TASK STATEMENT –
Please report how many lines in the records below contain the word "Transfer", giving only that number.

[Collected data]
•••••
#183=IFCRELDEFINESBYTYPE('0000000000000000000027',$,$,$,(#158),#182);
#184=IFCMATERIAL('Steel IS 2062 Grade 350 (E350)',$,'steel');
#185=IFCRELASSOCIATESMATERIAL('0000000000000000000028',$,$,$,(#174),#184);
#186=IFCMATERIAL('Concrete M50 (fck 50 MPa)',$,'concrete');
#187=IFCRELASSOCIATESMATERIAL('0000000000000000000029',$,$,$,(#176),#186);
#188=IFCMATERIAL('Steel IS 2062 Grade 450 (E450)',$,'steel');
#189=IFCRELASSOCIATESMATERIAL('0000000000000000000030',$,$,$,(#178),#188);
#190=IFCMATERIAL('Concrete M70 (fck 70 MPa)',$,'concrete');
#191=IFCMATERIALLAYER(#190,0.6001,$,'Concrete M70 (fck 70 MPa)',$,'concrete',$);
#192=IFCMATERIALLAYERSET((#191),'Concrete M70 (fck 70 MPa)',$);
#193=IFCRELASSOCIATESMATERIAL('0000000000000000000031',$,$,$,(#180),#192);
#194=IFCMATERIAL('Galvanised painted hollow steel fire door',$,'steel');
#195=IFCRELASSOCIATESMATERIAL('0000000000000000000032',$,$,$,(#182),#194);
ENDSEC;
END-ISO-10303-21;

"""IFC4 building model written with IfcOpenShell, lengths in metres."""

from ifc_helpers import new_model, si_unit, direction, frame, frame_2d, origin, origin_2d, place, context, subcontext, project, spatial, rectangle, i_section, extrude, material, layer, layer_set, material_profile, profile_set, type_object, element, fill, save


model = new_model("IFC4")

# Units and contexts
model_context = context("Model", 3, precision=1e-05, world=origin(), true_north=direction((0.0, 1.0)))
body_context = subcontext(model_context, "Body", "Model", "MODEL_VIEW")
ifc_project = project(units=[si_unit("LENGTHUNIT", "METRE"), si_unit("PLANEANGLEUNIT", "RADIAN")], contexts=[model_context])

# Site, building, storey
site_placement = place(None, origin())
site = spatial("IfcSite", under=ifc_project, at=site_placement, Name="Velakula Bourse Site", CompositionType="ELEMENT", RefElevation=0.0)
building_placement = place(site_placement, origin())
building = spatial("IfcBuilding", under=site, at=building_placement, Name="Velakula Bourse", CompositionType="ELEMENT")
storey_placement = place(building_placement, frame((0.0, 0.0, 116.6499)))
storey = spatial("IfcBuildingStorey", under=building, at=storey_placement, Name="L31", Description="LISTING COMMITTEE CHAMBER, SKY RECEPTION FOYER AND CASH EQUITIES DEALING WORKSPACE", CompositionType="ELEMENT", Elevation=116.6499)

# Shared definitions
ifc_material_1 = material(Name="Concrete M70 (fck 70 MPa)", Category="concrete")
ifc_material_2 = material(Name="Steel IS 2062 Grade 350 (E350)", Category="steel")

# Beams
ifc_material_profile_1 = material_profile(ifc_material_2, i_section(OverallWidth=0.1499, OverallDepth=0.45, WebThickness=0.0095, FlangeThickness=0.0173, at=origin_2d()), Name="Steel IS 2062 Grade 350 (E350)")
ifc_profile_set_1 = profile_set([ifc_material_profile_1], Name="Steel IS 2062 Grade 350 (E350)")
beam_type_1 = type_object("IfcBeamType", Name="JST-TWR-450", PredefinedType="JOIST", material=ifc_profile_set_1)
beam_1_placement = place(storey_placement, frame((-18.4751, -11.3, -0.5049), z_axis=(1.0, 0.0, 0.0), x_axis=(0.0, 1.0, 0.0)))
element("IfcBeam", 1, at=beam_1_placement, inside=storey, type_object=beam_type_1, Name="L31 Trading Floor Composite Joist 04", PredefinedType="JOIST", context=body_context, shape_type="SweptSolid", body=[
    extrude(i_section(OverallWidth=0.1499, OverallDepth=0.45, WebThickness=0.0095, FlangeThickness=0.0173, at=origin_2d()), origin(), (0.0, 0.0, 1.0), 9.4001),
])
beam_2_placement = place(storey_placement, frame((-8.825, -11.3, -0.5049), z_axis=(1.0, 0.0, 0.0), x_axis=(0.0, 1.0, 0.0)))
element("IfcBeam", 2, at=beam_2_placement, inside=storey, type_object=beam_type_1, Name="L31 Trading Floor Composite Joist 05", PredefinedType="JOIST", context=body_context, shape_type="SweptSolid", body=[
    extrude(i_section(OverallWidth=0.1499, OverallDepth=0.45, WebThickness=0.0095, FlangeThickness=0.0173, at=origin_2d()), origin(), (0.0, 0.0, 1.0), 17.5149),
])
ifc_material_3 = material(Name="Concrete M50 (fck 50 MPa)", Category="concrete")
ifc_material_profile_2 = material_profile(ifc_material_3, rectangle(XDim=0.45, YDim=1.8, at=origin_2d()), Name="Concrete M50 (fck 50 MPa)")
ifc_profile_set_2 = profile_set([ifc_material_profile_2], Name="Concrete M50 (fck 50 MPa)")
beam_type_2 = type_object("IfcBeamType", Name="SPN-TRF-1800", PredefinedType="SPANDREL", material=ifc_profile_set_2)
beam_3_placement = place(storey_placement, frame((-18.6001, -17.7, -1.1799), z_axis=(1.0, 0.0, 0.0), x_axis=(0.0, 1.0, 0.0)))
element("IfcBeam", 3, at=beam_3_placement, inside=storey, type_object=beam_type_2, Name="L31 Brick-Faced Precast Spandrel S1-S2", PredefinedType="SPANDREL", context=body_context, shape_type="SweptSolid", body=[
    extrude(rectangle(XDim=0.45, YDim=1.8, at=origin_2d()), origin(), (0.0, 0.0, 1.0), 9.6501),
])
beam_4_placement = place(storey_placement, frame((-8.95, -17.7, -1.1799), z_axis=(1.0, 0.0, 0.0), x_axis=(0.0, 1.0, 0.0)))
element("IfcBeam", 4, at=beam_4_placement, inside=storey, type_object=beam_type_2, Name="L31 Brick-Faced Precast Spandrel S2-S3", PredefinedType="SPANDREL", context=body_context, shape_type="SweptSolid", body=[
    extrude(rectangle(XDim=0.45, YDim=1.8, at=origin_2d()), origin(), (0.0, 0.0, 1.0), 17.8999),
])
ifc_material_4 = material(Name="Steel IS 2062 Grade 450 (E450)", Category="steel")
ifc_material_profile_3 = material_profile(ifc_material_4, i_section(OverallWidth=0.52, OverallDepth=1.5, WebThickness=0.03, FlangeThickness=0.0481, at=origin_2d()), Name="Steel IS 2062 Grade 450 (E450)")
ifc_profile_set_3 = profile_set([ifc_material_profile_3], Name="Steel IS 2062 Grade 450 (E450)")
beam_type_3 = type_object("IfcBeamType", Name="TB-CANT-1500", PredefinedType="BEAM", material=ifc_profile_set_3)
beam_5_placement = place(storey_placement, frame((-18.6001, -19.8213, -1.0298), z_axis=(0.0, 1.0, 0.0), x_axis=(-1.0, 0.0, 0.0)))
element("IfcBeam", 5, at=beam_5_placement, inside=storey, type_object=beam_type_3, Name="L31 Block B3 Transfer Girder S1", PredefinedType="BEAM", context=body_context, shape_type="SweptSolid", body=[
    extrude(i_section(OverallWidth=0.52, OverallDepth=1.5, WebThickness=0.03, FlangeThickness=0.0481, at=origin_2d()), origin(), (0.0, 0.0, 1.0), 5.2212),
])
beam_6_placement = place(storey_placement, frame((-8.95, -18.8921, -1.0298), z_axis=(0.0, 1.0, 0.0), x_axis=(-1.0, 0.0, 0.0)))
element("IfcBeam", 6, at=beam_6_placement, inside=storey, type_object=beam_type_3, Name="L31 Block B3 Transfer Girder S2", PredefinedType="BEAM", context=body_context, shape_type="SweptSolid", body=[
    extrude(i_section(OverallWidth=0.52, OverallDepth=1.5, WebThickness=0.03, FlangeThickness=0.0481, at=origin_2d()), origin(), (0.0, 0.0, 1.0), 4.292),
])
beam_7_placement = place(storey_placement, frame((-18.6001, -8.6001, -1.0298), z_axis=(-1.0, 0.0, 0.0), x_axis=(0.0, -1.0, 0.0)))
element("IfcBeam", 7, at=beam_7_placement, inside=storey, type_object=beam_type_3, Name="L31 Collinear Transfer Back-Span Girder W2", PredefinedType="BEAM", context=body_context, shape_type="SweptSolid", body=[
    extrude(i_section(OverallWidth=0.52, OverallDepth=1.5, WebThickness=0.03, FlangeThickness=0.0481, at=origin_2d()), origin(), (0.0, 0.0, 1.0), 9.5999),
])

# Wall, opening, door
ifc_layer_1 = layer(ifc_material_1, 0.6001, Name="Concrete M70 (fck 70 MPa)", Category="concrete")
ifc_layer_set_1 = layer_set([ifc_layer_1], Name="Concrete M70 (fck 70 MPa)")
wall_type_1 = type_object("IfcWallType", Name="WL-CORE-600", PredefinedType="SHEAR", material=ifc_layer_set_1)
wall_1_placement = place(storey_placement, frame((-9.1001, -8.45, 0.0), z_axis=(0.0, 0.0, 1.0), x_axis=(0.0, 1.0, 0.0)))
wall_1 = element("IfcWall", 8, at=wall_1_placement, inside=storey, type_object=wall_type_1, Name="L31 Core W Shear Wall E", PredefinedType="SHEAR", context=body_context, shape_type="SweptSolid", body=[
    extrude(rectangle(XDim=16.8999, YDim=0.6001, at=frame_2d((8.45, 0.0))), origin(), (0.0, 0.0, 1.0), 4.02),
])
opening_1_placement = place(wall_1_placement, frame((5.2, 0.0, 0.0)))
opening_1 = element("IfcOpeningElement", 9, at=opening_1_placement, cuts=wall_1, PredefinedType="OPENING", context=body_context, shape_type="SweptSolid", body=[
•••••
RESPONSE –
3